INFORMATION
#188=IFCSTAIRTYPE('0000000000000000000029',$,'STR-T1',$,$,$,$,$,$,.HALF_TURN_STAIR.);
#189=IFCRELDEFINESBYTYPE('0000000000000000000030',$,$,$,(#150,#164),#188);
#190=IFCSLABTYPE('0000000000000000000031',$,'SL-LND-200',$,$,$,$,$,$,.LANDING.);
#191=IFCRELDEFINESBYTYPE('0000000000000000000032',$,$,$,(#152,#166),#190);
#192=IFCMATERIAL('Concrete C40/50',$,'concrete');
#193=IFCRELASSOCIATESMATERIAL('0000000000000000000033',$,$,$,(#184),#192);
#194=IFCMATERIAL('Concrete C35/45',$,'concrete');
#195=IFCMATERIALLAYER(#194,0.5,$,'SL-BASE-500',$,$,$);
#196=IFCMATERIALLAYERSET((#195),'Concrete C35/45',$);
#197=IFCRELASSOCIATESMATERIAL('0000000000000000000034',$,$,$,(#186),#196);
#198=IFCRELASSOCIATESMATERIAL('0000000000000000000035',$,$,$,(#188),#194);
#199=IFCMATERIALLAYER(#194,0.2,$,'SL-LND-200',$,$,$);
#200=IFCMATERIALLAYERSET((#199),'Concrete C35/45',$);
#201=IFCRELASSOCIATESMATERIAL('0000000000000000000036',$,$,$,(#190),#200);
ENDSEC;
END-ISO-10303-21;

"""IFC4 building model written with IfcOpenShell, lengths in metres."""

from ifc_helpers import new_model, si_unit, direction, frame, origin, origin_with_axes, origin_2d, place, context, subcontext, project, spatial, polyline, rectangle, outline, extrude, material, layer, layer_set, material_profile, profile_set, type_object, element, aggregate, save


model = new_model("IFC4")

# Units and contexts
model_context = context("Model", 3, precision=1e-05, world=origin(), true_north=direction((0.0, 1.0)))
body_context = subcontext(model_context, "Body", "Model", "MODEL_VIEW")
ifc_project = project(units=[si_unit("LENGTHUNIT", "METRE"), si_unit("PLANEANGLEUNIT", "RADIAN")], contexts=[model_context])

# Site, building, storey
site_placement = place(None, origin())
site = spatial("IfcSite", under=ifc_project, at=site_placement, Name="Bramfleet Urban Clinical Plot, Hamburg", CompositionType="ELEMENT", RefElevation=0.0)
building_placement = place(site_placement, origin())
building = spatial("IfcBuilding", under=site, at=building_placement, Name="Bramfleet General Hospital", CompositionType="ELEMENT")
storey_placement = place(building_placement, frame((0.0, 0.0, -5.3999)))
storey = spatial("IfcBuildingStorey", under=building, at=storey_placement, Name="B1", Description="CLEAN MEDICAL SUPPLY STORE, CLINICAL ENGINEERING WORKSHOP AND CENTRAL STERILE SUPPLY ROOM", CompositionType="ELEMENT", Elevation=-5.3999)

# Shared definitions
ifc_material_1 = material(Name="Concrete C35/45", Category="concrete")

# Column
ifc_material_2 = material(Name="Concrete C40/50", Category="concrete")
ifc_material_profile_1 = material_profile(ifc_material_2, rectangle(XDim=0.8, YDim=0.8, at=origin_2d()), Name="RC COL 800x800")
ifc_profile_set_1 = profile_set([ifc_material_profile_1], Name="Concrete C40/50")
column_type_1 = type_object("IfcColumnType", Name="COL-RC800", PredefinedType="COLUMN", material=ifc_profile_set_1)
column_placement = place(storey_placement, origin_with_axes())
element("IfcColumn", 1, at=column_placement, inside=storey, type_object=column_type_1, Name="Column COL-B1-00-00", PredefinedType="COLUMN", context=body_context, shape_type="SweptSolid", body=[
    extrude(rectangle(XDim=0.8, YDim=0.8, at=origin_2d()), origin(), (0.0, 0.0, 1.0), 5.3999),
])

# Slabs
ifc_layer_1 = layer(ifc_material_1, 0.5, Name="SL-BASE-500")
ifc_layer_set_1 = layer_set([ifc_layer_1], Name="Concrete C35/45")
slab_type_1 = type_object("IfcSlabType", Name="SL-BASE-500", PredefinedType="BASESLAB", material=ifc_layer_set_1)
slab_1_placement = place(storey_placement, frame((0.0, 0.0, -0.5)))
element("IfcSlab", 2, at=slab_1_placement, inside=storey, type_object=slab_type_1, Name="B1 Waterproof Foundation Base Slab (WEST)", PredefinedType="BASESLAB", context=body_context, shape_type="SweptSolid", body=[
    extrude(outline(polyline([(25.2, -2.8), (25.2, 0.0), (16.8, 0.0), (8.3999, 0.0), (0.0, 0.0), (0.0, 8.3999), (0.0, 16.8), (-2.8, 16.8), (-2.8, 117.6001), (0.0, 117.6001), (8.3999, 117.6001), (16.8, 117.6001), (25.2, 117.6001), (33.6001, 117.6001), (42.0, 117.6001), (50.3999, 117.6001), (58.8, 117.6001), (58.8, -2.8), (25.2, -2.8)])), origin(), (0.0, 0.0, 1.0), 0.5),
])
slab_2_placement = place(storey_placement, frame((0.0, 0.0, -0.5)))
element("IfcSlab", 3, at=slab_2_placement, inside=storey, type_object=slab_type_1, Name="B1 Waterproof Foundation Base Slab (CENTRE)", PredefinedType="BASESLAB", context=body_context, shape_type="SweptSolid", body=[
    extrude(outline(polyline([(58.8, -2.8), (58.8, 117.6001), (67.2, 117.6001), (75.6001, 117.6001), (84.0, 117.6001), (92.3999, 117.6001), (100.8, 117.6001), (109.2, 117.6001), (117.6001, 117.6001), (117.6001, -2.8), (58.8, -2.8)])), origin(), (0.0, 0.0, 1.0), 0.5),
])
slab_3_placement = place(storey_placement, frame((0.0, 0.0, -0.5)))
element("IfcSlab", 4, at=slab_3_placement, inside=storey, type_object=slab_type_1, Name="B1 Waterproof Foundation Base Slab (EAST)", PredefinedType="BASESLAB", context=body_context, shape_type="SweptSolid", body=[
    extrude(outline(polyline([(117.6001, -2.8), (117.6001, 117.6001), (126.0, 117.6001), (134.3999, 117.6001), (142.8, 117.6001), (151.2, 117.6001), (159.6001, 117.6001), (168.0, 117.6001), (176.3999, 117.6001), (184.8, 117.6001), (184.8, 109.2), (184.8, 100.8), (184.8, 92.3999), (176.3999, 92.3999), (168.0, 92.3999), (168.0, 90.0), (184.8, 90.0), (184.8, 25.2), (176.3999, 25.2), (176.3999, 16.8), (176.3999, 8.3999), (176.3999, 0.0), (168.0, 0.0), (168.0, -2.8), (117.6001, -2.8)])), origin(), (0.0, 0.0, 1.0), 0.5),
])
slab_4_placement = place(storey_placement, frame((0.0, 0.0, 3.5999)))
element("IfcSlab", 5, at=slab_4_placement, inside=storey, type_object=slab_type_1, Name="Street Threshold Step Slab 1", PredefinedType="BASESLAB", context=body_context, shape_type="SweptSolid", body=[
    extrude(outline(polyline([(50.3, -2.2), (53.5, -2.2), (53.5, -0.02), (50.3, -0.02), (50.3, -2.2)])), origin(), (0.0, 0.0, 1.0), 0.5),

TASK REQUIREMENTS
Go through the records above and write each one out again exactly.

THE ANSWER
#188=IFCSTAIRTYPE('0000000000000000000029',$,'STR-T1',$,$,$,$,$,$,.HALF_TURN_STAIR.);
#189=IFCRELDEFINESBYTYPE('0000000000000000000030',$,$,$,(#150,#164),#188);
#190=IFCSLABTYPE('0000000000000000000031',$,'SL-LND-200',$,$,$,$,$,$,.LANDING.);
#191=IFCRELDEFINESBYTYPE('0000000000000000000032',$,$,$,(#152,#166),#190);
#192=IFCMATERIAL('Concrete C40/50',$,'concrete');
#193=IFCRELASSOCIATESMATERIAL('0000000000000000000033',$,$,$,(#184),#192);
#194=IFCMATERIAL('Concrete C35/45',$,'concrete');
#195=IFCMATERIALLAYER(#194,0.5,$,'SL-BASE-500',$,$,$);
#196=IFCMATERIALLAYERSET((#195),'Concrete C35/45',$);
#197=IFCRELASSOCIATESMATERIAL('0000000000000000000034',$,$,$,(#186),#196);
#198=IFCRELASSOCIATESMATERIAL('0000000000000000000035',$,$,$,(#188),#194);
#199=IFCMATERIALLAYER(#194,0.2,$,'SL-LND-200',$,$,$);
#200=IFCMATERIALLAYERSET((#199),'Concrete C35/45',$);
#201=IFCRELASSOCIATESMATERIAL('0000000000000000000036',$,$,$,(#190),#200);
ENDSEC;
END-ISO-10303-21;

"""IFC4 building model written with IfcOpenShell, lengths in metres."""

from ifc_helpers import new_model, si_unit, direction, frame, origin, origin_with_axes, origin_2d, place, context, subcontext, project, spatial, polyline, rectangle, outline, extrude, material, layer, layer_set, material_profile, profile_set, type_object, element, aggregate, save


model = new_model("IFC4")

# Units and contexts
model_context = context("Model", 3, precision=1e-05, world=origin(), true_north=direction((0.0, 1.0)))
body_context = subcontext(model_context, "Body", "Model", "MODEL_VIEW")
ifc_project = project(units=[si_unit("LENGTHUNIT", "METRE"), si_unit("PLANEANGLEUNIT", "RADIAN")], contexts=[model_context])

# Site, building, storey
site_placement = place(None, origin())
site = spatial("IfcSite", under=ifc_project, at=site_placement, Name="Bramfleet Urban Clinical Plot, Hamburg", CompositionType="ELEMENT", RefElevation=0.0)
building_placement = place(site_placement, origin())
building = spatial("IfcBuilding", under=site, at=building_placement, Name="Bramfleet General Hospital", CompositionType="ELEMENT")
storey_placement = place(building_placement, frame((0.0, 0.0, -5.3999)))
storey = spatial("IfcBuildingStorey", under=building, at=storey_placement, Name="B1", Description="CLEAN MEDICAL SUPPLY STORE, CLINICAL ENGINEERING WORKSHOP AND CENTRAL STERILE SUPPLY ROOM", CompositionType="ELEMENT", Elevation=-5.3999)

# Shared definitions
ifc_material_1 = material(Name="Concrete C35/45", Category="concrete")

# Column
ifc_material_2 = material(Name="Concrete C40/50", Category="concrete")
ifc_material_profile_1 = material_profile(ifc_material_2, rectangle(XDim=0.8, YDim=0.8, at=origin_2d()), Name="RC COL 800x800")
ifc_profile_set_1 = profile_set([ifc_material_profile_1], Name="Concrete C40/50")
column_type_1 = type_object("IfcColumnType", Name="COL-RC800", PredefinedType="COLUMN", material=ifc_profile_set_1)
column_placement = place(storey_placement, origin_with_axes())
element("IfcColumn", 1, at=column_placement, inside=storey, type_object=column_type_1, Name="Column COL-B1-00-00", PredefinedType="COLUMN", context=body_context, shape_type="SweptSolid", body=[
    extrude(rectangle(XDim=0.8, YDim=0.8, at=origin_2d()), origin(), (0.0, 0.0, 1.0), 5.3999),
])

# Slabs
ifc_layer_1 = layer(ifc_material_1, 0.5, Name="SL-BASE-500")
ifc_layer_set_1 = layer_set([ifc_layer_1], Name="Concrete C35/45")
slab_type_1 = type_object("IfcSlabType", Name="SL-BASE-500", PredefinedType="BASESLAB", material=ifc_layer_set_1)
slab_1_placement = place(storey_placement, frame((0.0, 0.0, -0.5)))
element("IfcSlab", 2, at=slab_1_placement, inside=storey, type_object=slab_type_1, Name="B1 Waterproof Foundation Base Slab (WEST)", PredefinedType="BASESLAB", context=body_context, shape_type="SweptSolid", body=[
    extrude(outline(polyline([(25.2, -2.8), (25.2, 0.0), (16.8, 0.0), (8.3999, 0.0), (0.0, 0.0), (0.0, 8.3999), (0.0, 16.8), (-2.8, 16.8), (-2.8, 117.6001), (0.0, 117.6001), (8.3999, 117.6001), (16.8, 117.6001), (25.2, 117.6001), (33.6001, 117.6001), (42.0, 117.6001), (50.3999, 117.6001), (58.8, 117.6001), (58.8, -2.8), (25.2, -2.8)])), origin(), (0.0, 0.0, 1.0), 0.5),
])
slab_2_placement = place(storey_placement, frame((0.0, 0.0, -0.5)))
element("IfcSlab", 3, at=slab_2_placement, inside=storey, type_object=slab_type_1, Name="B1 Waterproof Foundation Base Slab (CENTRE)", PredefinedType="BASESLAB", context=body_context, shape_type="SweptSolid", body=[
    extrude(outline(polyline([(58.8, -2.8), (58.8, 117.6001), (67.2, 117.6001), (75.6001, 117.6001), (84.0, 117.6001), (92.3999, 117.6001), (100.8, 117.6001), (109.2, 117.6001), (117.6001, 117.6001), (117.6001, -2.8), (58.8, -2.8)])), origin(), (0.0, 0.0, 1.0), 0.5),
])
slab_3_placement = place(storey_placement, frame((0.0, 0.0, -0.5)))
element("IfcSlab", 4, at=slab_3_placement, inside=storey, type_object=slab_type_1, Name="B1 Waterproof Foundation Base Slab (EAST)", PredefinedType="BASESLAB", context=body_context, shape_type="SweptSolid", body=[
    extrude(outline(polyline([(117.6001, -2.8), (117.6001, 117.6001), (126.0, 117.6001), (134.3999, 117.6001), (142.8, 117.6001), (151.2, 117.6001), (159.6001, 117.6001), (168.0, 117.6001), (176.3999, 117.6001), (184.8, 117.6001), (184.8, 109.2), (184.8, 100.8), (184.8, 92.3999), (176.3999, 92.3999), (168.0, 92.3999), (168.0, 90.0), (184.8, 90.0), (184.8, 25.2), (176.3999, 25.2), (176.3999, 16.8), (176.3999, 8.3999), (176.3999, 0.0), (168.0, 0.0), (168.0, -2.8), (117.6001, -2.8)])), origin(), (0.0, 0.0, 1.0), 0.5),
])
slab_4_placement = place(storey_placement, frame((0.0, 0.0, 3.5999)))
element("IfcSlab", 5, at=slab_4_placement, inside=storey, type_object=slab_type_1, Name="Street Threshold Step Slab 1", PredefinedType="BASESLAB", context=body_context, shape_type="SweptSolid", body=[
    extrude(outline(polyline([(50.3, -2.2), (53.5, -2.2), (53.5, -0.02), (50.3, -0.02), (50.3, -2.2)])), origin(), (0.0, 0.0, 1.0), 0.5),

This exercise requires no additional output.